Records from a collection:
● ● ● ● ● ● ●
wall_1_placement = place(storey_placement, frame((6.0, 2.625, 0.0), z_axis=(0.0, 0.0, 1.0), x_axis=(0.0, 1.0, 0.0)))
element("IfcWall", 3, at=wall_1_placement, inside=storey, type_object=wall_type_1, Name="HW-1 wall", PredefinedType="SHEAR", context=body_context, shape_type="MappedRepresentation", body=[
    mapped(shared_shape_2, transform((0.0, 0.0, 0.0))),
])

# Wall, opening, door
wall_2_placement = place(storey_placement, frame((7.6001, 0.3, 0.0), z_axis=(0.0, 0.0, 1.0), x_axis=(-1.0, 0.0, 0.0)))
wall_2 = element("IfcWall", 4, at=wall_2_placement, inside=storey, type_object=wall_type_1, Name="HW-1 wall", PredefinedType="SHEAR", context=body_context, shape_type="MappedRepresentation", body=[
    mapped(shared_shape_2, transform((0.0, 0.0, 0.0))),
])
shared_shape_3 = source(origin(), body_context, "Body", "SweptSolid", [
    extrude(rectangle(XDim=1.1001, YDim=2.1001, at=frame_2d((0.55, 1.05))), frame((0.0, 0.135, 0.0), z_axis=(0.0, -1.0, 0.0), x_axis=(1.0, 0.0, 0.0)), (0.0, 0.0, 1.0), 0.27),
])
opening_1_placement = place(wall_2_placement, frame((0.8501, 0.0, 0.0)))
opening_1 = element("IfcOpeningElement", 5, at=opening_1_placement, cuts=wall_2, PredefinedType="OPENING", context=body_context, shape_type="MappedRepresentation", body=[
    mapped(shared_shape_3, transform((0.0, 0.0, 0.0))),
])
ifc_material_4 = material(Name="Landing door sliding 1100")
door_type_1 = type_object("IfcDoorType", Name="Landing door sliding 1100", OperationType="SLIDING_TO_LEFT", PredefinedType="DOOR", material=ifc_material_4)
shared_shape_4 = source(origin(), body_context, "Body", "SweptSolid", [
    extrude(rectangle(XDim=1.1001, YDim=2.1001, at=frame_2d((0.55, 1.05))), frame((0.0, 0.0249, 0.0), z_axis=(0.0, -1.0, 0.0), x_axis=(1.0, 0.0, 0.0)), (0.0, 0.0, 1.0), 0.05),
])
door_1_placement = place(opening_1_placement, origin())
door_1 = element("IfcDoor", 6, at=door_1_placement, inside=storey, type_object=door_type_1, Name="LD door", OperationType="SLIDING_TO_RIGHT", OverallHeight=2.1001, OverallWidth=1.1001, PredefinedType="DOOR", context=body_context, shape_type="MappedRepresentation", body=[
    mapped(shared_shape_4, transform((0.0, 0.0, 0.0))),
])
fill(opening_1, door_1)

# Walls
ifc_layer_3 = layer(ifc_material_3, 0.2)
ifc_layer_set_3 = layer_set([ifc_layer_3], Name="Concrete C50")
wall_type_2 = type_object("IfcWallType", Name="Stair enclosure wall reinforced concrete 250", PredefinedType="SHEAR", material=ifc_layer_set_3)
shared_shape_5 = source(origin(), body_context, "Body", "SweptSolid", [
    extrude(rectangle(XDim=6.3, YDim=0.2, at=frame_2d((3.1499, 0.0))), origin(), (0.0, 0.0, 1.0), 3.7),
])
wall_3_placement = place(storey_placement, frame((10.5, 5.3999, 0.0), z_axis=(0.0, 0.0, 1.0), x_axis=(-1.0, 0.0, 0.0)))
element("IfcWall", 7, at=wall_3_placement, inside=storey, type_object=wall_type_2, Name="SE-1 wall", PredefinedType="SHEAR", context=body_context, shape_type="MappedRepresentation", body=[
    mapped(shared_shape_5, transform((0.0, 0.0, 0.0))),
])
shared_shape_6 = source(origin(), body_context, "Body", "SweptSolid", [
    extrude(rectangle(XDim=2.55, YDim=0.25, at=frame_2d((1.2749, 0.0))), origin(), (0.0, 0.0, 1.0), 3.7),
● ● ● ● ● ● ●
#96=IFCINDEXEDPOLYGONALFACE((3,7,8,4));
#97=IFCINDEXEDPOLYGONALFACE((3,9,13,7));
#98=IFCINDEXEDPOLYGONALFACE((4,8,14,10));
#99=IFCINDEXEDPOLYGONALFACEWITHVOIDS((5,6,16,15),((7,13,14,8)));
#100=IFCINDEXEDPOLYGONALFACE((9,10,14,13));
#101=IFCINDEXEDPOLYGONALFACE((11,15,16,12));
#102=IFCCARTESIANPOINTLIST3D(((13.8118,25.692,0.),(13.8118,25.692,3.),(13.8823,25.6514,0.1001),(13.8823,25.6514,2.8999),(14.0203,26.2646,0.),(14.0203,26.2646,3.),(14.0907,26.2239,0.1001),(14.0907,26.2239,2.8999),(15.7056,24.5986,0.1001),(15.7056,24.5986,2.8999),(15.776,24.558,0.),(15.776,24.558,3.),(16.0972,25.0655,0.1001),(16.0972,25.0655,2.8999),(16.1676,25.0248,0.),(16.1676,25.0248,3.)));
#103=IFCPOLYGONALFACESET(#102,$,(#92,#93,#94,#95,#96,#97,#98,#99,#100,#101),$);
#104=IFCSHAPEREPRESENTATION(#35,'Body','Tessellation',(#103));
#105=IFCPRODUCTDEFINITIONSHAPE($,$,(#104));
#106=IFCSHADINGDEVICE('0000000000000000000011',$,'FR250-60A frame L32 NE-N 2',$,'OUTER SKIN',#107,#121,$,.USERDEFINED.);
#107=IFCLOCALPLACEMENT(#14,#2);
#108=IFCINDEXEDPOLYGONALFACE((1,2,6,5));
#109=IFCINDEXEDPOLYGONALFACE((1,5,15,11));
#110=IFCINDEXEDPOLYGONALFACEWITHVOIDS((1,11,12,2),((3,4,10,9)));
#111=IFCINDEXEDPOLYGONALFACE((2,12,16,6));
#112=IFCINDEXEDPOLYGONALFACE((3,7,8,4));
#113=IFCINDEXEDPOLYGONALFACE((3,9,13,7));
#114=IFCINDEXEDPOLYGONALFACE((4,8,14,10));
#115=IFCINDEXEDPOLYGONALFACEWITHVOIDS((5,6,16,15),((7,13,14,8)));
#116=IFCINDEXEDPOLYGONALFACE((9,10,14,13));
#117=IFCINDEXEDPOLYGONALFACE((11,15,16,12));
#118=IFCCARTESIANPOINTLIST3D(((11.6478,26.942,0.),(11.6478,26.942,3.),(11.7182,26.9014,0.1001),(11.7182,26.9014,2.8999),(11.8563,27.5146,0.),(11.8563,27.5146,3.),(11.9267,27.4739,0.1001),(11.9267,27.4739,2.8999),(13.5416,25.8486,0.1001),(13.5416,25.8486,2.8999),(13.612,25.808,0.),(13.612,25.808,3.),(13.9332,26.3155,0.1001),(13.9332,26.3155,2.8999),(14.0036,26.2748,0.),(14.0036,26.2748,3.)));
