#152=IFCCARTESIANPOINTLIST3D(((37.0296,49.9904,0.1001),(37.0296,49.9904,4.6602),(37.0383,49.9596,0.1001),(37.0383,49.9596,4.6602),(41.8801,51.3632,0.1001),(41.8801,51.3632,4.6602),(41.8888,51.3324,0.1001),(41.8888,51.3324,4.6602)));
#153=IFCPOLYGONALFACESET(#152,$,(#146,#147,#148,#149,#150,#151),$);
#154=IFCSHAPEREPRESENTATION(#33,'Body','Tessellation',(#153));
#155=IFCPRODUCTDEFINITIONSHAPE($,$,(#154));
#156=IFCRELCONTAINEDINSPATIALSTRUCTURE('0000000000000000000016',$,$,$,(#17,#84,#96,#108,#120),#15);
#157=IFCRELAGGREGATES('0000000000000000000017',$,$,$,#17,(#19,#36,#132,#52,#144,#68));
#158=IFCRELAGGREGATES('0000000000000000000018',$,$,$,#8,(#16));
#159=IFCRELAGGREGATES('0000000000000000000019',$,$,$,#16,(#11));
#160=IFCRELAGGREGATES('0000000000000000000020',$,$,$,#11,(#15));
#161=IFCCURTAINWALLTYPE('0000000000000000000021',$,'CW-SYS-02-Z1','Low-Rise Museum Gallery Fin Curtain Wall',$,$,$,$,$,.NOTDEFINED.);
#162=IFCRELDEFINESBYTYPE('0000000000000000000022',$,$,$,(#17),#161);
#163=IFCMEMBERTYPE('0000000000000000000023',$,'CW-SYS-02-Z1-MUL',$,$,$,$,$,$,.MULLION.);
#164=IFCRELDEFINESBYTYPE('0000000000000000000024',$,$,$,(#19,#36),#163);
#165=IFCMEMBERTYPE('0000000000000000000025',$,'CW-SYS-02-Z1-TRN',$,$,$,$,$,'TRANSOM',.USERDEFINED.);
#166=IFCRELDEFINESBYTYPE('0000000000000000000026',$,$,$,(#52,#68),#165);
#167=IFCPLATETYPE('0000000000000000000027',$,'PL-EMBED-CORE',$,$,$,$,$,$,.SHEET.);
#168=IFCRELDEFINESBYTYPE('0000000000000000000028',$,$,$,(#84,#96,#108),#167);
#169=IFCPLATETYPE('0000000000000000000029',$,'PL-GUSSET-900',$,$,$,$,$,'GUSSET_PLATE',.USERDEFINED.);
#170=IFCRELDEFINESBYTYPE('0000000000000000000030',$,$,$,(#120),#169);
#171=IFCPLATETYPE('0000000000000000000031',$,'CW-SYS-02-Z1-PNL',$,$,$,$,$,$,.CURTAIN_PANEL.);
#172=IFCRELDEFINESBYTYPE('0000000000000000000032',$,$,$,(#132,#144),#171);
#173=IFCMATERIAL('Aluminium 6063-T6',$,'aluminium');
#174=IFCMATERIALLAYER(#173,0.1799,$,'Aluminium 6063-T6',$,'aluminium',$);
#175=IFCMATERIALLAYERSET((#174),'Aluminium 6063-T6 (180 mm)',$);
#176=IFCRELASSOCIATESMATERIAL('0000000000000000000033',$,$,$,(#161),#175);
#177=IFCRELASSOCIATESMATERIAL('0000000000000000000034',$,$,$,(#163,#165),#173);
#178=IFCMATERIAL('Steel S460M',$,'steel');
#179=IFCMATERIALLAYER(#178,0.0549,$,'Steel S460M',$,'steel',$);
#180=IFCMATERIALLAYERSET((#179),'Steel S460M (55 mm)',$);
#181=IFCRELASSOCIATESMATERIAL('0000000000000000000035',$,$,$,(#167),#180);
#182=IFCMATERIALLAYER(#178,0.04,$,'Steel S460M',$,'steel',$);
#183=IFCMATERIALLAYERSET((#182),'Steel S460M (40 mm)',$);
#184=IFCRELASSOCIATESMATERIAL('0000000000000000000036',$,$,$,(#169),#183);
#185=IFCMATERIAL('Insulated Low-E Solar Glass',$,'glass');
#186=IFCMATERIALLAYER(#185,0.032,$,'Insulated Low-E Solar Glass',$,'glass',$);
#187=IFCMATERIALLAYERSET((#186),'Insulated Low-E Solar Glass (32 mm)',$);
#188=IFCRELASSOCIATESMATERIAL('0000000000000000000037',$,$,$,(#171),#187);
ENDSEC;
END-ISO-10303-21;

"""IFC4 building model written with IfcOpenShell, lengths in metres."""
● ● ● ● ● ● ●
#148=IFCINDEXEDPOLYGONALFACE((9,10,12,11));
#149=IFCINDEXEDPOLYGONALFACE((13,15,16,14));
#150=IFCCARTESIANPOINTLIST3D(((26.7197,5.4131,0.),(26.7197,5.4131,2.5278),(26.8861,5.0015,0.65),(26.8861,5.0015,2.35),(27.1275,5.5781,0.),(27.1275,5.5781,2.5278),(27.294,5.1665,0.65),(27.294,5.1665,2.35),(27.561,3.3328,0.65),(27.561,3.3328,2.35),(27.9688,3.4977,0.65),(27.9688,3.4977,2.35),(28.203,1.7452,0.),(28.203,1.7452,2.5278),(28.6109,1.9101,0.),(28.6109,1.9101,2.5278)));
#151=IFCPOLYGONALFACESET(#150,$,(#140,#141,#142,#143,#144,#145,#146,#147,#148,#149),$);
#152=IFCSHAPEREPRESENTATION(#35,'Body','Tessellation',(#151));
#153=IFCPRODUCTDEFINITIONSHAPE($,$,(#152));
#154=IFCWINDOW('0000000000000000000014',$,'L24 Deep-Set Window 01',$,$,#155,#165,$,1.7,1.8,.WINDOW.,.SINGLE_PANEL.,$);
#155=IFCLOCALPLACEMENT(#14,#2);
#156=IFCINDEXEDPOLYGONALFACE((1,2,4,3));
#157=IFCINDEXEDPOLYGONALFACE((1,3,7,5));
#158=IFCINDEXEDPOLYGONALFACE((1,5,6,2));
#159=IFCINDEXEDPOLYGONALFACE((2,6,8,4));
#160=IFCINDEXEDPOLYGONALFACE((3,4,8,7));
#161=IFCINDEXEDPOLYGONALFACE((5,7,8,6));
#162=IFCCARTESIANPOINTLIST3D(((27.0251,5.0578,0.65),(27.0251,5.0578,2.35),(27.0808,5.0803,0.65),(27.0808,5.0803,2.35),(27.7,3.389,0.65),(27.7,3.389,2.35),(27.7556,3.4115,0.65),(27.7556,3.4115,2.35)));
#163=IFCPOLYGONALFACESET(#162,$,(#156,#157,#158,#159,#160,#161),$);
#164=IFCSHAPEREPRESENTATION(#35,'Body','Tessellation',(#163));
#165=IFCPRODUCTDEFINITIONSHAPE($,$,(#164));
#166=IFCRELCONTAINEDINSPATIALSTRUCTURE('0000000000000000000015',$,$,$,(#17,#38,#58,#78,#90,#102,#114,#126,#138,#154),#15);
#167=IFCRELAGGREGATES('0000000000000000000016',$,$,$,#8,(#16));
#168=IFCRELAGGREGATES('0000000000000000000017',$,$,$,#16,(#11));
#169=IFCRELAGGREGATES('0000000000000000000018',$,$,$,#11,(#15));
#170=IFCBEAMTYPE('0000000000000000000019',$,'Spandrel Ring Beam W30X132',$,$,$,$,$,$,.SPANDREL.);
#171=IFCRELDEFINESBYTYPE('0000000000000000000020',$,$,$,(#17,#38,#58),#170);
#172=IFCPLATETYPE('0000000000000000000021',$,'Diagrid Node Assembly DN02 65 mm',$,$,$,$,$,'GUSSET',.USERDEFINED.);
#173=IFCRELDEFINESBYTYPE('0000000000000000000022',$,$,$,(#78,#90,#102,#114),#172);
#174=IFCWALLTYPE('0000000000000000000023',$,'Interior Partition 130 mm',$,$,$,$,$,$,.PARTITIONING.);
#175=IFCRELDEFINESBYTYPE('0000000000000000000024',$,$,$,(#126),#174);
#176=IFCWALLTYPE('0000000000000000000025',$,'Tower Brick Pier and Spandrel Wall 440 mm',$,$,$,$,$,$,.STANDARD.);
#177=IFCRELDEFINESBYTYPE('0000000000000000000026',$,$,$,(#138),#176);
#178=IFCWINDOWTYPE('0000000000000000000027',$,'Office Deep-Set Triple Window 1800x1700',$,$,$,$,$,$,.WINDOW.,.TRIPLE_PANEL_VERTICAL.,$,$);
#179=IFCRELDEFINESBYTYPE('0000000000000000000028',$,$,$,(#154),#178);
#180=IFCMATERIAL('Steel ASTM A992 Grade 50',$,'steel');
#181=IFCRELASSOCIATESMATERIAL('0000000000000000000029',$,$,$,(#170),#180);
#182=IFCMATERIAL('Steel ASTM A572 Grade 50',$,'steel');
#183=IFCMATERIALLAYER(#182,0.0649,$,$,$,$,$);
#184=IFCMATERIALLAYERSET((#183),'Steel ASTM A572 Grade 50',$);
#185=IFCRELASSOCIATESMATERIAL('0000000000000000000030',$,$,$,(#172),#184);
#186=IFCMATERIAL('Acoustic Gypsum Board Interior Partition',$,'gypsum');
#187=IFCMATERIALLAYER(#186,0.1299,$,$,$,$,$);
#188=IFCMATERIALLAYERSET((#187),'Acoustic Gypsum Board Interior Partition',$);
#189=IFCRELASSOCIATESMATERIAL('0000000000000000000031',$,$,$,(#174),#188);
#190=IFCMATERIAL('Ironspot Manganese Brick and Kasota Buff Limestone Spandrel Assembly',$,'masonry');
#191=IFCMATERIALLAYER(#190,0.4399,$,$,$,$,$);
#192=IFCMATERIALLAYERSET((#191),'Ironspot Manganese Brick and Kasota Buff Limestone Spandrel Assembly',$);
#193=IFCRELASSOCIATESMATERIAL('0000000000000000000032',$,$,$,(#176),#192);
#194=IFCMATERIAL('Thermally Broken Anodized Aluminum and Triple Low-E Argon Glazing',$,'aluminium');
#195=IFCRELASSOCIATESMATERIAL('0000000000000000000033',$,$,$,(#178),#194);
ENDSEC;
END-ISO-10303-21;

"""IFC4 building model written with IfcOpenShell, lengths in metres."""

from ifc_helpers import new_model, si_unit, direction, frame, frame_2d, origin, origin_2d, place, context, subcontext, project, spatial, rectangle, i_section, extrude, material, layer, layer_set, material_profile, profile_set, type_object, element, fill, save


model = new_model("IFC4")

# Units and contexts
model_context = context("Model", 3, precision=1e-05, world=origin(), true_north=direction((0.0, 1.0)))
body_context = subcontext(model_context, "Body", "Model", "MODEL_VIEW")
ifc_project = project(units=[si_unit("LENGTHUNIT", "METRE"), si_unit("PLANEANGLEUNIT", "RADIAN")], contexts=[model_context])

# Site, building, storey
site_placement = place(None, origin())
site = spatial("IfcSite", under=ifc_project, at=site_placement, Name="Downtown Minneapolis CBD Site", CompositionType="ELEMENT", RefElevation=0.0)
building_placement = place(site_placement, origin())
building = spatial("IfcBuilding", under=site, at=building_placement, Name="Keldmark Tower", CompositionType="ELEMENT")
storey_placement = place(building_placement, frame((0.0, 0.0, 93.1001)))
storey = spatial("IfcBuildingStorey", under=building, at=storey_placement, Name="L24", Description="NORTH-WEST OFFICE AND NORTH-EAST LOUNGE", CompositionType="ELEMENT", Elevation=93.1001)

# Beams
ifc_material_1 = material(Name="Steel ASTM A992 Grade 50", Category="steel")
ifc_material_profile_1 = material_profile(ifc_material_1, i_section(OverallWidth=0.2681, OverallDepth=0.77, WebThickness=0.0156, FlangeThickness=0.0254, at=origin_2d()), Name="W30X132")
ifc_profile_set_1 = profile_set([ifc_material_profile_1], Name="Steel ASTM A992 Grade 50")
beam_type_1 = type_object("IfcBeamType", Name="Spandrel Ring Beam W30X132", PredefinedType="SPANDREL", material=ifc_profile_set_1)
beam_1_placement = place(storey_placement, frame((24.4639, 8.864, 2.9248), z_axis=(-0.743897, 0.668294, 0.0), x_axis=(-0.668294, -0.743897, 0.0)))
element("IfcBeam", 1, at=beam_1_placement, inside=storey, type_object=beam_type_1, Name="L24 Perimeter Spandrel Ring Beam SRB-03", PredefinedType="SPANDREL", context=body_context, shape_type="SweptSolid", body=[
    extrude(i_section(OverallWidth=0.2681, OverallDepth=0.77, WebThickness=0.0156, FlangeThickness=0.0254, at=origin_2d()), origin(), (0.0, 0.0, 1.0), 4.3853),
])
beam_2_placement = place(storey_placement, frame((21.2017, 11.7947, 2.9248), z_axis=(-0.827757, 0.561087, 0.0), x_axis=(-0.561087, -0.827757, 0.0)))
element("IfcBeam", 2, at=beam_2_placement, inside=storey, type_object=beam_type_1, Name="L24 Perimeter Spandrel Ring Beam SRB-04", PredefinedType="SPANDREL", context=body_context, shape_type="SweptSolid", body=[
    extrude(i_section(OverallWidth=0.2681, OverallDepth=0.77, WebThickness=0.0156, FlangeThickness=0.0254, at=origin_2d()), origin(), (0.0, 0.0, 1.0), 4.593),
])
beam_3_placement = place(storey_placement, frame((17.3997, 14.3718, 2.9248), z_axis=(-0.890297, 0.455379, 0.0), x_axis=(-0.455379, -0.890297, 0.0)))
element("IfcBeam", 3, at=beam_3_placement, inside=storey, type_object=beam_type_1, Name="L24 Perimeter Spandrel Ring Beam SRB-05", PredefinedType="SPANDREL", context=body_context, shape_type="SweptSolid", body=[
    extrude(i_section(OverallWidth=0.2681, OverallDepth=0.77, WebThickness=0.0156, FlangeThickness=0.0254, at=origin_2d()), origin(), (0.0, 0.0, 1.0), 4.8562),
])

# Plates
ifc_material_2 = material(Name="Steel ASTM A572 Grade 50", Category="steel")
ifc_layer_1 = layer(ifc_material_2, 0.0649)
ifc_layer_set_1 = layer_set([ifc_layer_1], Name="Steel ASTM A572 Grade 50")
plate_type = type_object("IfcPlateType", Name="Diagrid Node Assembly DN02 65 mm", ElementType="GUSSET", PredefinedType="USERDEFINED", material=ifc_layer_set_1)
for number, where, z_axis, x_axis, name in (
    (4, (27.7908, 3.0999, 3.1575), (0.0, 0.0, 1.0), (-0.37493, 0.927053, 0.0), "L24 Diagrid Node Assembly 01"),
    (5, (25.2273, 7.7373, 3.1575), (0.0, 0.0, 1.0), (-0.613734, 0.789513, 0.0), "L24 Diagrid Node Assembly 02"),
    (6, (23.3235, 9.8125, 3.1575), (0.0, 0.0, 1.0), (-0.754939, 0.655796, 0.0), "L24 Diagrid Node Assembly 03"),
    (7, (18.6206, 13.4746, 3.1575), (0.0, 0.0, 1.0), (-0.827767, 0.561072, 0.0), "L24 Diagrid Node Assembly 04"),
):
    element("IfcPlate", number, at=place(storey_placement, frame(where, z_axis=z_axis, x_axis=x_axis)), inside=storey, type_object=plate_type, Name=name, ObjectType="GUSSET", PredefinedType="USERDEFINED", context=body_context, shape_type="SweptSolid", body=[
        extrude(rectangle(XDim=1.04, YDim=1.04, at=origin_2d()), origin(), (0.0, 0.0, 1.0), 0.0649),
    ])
● ● ● ● ● ● ●
How to complete this task:
Look above for the line containing "x_axis=(0.0, 1.0, 0.0)))". Output from there through the line containing "0.3, 0.0), z_axis=(0.0, 0.0, 1.0), x_axis=(-1.0, 0.0, 0.0)))", exactly and inclusively.

Completed exercise:
wall_1_placement = place(storey_placement, frame((6.0, 2.625, 0.0), z_axis=(0.0, 0.0, 1.0), x_axis=(0.0, 1.0, 0.0)))
element("IfcWall", 3, at=wall_1_placement, inside=storey, type_object=wall_type_1, Name="HW-1 wall", PredefinedType="SHEAR", context=body_context, shape_type="MappedRepresentation", body=[
    mapped(shared_shape_2, transform((0.0, 0.0, 0.0))),
])

# Wall, opening, door
wall_2_placement = place(storey_placement, frame((7.6001, 0.3, 0.0), z_axis=(0.0, 0.0, 1.0), x_axis=(-1.0, 0.0, 0.0)))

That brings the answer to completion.